◆ What is needed ◆
Check every line of the data below for "number". Copy each one that has it.

[Input data Boundary: Start]

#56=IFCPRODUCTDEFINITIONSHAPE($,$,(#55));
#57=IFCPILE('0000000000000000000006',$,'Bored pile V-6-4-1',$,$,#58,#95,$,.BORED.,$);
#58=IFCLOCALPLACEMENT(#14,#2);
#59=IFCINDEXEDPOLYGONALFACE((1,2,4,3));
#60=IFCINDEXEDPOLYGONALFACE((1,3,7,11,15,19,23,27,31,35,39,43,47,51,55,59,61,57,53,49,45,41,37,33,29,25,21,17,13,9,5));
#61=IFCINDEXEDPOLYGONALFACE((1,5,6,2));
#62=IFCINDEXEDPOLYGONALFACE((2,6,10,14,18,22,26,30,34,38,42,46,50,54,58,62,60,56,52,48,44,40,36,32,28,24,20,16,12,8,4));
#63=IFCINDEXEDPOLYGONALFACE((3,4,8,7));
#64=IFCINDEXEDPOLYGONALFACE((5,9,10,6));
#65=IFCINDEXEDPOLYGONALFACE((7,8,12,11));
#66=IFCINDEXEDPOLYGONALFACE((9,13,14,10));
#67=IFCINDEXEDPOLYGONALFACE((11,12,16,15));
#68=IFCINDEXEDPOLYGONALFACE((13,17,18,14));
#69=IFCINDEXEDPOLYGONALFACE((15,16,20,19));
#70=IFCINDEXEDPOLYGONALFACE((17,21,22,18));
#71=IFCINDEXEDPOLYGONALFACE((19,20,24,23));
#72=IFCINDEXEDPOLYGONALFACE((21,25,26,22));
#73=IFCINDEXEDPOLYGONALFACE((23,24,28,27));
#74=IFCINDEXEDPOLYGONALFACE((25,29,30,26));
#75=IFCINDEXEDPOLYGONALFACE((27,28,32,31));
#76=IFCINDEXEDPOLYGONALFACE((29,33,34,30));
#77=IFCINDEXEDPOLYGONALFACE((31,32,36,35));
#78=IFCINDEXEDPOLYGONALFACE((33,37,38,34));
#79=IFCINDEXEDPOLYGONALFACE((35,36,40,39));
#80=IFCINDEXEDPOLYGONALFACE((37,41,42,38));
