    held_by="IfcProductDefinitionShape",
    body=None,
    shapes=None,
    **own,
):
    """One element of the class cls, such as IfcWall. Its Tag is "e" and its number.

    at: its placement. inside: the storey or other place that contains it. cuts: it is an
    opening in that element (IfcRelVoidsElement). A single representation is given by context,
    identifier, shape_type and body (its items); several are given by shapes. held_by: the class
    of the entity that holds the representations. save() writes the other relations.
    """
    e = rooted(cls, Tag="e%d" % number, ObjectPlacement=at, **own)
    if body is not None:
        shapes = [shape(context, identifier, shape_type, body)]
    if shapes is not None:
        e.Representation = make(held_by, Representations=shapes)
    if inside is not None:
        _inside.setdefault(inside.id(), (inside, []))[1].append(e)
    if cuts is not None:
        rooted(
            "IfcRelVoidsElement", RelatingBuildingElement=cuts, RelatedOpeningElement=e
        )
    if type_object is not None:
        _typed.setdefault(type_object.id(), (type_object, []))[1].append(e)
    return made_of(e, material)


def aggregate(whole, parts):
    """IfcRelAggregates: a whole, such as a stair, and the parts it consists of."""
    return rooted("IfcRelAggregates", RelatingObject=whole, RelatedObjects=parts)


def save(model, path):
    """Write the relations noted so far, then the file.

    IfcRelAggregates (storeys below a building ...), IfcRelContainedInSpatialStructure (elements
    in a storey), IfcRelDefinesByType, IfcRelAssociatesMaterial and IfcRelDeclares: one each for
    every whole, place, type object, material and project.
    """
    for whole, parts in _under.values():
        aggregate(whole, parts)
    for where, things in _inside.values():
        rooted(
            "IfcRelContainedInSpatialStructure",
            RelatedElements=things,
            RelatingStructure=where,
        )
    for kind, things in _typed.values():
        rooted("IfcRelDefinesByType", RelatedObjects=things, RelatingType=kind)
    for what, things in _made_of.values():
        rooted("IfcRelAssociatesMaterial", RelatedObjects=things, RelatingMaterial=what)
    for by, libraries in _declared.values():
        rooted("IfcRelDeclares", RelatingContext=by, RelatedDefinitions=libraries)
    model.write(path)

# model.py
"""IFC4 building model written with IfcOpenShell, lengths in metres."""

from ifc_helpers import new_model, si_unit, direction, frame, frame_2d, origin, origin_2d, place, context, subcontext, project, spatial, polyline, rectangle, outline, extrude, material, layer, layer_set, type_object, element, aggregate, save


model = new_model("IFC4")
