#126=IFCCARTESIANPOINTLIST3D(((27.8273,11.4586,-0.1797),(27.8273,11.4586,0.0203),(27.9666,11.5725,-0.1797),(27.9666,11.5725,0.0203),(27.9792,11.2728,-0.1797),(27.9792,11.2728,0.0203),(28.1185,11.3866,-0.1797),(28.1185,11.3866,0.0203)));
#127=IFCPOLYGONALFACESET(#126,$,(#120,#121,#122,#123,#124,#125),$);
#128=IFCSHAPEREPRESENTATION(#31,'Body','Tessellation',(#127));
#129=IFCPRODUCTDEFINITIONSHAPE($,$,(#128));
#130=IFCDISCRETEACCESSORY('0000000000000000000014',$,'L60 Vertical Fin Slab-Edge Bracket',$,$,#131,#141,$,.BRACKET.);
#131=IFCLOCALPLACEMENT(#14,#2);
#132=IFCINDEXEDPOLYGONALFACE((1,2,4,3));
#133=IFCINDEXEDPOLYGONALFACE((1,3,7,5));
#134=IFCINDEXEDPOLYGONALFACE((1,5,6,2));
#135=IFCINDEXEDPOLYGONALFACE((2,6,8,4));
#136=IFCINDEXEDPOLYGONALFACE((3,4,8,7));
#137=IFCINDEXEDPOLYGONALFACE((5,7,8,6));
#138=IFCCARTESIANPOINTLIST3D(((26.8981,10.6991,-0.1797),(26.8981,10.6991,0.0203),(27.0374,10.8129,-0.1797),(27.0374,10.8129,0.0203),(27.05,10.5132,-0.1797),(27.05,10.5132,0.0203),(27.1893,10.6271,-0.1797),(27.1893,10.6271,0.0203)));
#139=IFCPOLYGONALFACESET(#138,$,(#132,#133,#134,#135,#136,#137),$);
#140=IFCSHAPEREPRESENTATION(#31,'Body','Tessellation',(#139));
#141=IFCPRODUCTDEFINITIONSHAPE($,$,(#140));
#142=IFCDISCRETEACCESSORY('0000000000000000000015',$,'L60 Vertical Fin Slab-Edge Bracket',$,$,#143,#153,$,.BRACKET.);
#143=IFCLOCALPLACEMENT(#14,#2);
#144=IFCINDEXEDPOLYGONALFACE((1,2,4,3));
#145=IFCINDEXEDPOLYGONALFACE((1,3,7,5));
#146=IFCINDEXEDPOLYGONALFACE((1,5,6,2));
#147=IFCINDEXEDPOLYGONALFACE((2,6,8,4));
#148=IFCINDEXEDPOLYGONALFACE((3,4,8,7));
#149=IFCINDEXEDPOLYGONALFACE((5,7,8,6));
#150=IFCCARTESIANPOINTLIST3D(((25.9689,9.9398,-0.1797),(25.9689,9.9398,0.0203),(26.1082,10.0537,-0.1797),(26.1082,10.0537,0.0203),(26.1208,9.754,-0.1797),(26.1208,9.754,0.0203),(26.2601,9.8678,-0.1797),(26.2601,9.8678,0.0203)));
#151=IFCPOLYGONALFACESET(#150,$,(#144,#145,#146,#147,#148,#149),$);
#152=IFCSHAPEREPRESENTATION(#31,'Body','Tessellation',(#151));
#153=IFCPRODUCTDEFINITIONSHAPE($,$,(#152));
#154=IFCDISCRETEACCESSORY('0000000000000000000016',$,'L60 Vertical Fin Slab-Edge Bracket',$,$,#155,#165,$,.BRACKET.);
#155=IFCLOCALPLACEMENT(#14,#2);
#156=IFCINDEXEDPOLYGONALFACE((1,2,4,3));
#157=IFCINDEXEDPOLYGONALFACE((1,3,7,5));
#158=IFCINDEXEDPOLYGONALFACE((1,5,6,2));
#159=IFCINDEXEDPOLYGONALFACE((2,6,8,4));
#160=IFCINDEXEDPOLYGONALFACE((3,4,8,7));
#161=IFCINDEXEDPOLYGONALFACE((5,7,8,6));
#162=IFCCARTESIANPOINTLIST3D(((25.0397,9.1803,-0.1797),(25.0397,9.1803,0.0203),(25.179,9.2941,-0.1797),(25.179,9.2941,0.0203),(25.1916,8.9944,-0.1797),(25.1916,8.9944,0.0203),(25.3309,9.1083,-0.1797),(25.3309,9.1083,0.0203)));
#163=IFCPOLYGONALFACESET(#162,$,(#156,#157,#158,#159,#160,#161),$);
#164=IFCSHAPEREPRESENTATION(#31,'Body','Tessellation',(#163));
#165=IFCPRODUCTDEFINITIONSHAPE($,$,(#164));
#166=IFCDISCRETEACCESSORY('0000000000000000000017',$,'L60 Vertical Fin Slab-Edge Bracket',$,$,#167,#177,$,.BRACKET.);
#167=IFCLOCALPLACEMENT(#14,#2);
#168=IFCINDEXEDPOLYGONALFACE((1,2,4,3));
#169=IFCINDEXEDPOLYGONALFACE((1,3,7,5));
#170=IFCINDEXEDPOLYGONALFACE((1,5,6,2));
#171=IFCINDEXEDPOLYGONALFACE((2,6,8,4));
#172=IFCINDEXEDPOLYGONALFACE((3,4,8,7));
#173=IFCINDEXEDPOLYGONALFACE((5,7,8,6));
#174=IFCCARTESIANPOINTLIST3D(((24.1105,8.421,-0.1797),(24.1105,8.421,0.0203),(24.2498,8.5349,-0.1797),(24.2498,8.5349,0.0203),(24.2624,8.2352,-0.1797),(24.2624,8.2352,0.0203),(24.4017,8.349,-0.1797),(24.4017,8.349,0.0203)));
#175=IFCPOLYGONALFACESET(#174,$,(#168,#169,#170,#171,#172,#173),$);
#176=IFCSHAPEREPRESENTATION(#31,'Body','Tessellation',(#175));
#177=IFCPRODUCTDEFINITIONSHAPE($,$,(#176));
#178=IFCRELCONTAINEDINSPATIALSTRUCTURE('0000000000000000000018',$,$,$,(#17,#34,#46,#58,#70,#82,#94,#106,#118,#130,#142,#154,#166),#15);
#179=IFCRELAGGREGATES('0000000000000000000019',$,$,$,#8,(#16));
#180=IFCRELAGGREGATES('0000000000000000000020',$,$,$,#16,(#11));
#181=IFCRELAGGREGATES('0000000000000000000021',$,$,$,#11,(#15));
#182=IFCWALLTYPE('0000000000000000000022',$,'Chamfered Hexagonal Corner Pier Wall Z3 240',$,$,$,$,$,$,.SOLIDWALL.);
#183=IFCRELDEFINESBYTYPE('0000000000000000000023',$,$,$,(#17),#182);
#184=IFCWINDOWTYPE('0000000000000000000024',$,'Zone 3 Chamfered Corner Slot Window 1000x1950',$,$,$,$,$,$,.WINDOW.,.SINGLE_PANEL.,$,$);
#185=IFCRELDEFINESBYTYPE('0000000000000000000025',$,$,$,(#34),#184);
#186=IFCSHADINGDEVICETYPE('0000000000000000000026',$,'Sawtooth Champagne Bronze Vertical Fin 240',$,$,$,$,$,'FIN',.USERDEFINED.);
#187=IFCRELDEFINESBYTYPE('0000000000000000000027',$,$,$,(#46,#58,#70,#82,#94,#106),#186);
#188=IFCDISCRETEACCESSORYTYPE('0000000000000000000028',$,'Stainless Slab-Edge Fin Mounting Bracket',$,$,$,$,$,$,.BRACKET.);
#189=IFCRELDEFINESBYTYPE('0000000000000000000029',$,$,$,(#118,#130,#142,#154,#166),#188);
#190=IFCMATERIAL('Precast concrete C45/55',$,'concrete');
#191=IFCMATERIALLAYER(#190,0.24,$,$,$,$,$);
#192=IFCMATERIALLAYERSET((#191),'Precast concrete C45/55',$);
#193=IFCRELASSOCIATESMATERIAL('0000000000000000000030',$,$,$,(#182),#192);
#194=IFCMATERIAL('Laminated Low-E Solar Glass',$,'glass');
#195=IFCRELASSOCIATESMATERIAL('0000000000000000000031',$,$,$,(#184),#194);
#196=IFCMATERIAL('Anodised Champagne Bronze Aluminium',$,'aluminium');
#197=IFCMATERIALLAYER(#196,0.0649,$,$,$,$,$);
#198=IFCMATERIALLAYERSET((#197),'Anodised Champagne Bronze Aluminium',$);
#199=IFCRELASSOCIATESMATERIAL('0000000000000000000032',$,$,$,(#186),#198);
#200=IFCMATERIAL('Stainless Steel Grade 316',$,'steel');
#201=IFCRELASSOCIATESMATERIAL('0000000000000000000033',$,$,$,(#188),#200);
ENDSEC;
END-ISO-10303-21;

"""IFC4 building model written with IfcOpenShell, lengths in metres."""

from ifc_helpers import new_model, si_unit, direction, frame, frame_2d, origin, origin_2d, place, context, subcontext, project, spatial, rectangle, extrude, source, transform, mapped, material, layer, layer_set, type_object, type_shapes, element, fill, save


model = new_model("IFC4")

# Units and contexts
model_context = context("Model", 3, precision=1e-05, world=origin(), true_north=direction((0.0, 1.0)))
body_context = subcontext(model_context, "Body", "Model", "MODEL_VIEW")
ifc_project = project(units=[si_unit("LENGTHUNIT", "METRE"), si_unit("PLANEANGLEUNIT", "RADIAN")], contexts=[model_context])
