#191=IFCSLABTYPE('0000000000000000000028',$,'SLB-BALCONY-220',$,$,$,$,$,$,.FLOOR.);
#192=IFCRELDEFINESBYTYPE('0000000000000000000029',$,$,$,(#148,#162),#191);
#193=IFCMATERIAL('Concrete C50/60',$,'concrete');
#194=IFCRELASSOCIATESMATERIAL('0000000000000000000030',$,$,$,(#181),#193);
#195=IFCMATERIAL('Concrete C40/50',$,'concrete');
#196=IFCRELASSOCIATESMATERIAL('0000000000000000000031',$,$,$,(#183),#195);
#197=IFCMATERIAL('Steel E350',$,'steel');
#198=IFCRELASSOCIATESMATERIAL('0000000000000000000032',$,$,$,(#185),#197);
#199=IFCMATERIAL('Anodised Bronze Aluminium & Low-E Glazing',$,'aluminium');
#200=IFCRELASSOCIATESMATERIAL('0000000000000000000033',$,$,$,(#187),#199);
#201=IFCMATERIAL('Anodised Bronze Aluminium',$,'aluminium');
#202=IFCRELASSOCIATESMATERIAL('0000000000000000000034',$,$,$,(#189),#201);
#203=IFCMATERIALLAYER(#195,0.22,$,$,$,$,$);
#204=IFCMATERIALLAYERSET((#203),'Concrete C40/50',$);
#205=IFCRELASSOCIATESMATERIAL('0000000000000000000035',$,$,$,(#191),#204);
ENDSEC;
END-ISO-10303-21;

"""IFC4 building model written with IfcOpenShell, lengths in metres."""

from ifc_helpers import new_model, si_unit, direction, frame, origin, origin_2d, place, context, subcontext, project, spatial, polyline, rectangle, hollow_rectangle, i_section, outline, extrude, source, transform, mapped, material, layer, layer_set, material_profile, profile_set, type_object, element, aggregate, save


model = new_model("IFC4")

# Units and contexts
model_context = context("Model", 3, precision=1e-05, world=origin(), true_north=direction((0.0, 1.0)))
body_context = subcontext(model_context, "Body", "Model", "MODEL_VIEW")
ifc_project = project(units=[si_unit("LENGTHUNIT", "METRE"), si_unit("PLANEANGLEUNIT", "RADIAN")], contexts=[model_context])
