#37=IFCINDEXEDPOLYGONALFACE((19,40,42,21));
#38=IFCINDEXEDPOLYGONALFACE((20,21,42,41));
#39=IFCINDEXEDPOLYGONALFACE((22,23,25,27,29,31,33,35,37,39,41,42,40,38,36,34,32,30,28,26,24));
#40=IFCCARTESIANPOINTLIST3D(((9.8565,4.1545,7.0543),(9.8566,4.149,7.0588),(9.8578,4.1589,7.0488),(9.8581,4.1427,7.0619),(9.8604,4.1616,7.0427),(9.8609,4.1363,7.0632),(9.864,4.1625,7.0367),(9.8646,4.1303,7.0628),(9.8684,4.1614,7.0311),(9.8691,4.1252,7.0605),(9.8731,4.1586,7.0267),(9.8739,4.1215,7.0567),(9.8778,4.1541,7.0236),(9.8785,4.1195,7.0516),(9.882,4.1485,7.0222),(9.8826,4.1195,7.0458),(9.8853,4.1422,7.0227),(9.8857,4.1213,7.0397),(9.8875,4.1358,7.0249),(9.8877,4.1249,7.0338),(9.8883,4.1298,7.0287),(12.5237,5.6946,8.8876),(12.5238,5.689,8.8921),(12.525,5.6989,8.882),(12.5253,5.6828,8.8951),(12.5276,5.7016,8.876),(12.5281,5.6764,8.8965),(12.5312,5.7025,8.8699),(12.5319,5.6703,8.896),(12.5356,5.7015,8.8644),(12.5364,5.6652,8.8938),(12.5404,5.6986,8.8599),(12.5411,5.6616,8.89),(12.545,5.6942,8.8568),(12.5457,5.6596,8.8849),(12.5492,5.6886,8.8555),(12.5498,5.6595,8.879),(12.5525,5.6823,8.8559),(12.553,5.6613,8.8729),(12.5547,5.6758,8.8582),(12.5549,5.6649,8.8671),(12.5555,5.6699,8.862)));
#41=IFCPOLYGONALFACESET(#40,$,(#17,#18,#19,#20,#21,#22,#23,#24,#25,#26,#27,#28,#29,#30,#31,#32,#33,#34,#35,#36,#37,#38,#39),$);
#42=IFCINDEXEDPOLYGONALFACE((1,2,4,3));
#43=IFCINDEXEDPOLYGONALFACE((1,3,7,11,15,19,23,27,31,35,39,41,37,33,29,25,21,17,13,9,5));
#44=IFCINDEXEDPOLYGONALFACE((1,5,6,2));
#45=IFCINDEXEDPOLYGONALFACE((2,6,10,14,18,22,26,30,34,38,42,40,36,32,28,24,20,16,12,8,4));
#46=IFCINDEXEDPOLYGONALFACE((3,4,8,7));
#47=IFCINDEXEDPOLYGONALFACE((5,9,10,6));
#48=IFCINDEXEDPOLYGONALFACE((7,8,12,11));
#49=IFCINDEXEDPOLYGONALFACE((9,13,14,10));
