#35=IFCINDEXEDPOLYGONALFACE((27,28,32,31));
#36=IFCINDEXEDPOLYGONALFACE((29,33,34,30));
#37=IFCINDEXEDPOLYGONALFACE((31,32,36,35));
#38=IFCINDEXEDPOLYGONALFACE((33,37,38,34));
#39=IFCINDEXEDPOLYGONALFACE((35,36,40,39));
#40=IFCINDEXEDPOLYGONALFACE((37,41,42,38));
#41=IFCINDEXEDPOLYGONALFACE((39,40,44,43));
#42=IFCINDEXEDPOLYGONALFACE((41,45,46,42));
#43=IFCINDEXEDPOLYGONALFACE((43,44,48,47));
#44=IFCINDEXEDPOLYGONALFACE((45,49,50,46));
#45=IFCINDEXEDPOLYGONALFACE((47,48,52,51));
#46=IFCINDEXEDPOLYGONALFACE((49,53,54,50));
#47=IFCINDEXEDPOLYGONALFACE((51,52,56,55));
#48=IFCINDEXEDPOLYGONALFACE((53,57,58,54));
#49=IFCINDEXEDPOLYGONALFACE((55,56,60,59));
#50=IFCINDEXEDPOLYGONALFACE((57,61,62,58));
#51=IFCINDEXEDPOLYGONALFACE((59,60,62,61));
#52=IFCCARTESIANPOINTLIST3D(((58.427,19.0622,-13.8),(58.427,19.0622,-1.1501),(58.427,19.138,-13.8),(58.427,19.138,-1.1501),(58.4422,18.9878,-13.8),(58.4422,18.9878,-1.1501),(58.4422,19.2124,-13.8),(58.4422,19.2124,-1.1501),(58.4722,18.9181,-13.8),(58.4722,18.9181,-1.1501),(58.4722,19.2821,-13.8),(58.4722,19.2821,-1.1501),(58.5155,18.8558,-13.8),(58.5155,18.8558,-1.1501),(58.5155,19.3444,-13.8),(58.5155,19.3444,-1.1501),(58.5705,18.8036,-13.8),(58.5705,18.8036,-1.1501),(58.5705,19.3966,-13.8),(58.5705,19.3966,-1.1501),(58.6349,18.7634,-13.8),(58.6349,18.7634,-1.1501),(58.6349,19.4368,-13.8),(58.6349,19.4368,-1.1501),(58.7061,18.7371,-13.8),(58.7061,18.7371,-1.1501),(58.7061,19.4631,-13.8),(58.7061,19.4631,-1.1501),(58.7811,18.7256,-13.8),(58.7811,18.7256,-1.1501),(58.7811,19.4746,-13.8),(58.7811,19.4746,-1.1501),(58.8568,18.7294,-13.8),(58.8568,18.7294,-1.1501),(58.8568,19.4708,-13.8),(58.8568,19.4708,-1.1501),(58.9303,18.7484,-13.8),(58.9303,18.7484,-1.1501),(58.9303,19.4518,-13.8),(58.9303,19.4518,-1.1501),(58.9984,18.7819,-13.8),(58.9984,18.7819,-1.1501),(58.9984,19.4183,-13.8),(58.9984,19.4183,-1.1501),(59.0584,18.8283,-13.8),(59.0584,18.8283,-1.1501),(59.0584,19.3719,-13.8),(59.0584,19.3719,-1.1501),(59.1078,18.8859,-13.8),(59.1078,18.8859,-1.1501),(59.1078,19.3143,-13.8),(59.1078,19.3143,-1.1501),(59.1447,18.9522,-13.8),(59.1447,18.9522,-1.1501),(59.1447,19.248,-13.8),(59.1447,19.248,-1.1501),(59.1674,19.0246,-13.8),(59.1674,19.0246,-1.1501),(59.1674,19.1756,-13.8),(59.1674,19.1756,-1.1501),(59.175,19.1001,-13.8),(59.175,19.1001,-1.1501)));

[Input data Boundary: End]

◆ Exercise output ◆
    """One element of the class cls, such as IfcWall. Its Tag is "e" and its number.
    e = rooted(cls, Tag="e%d" % number, ObjectPlacement=at, **own)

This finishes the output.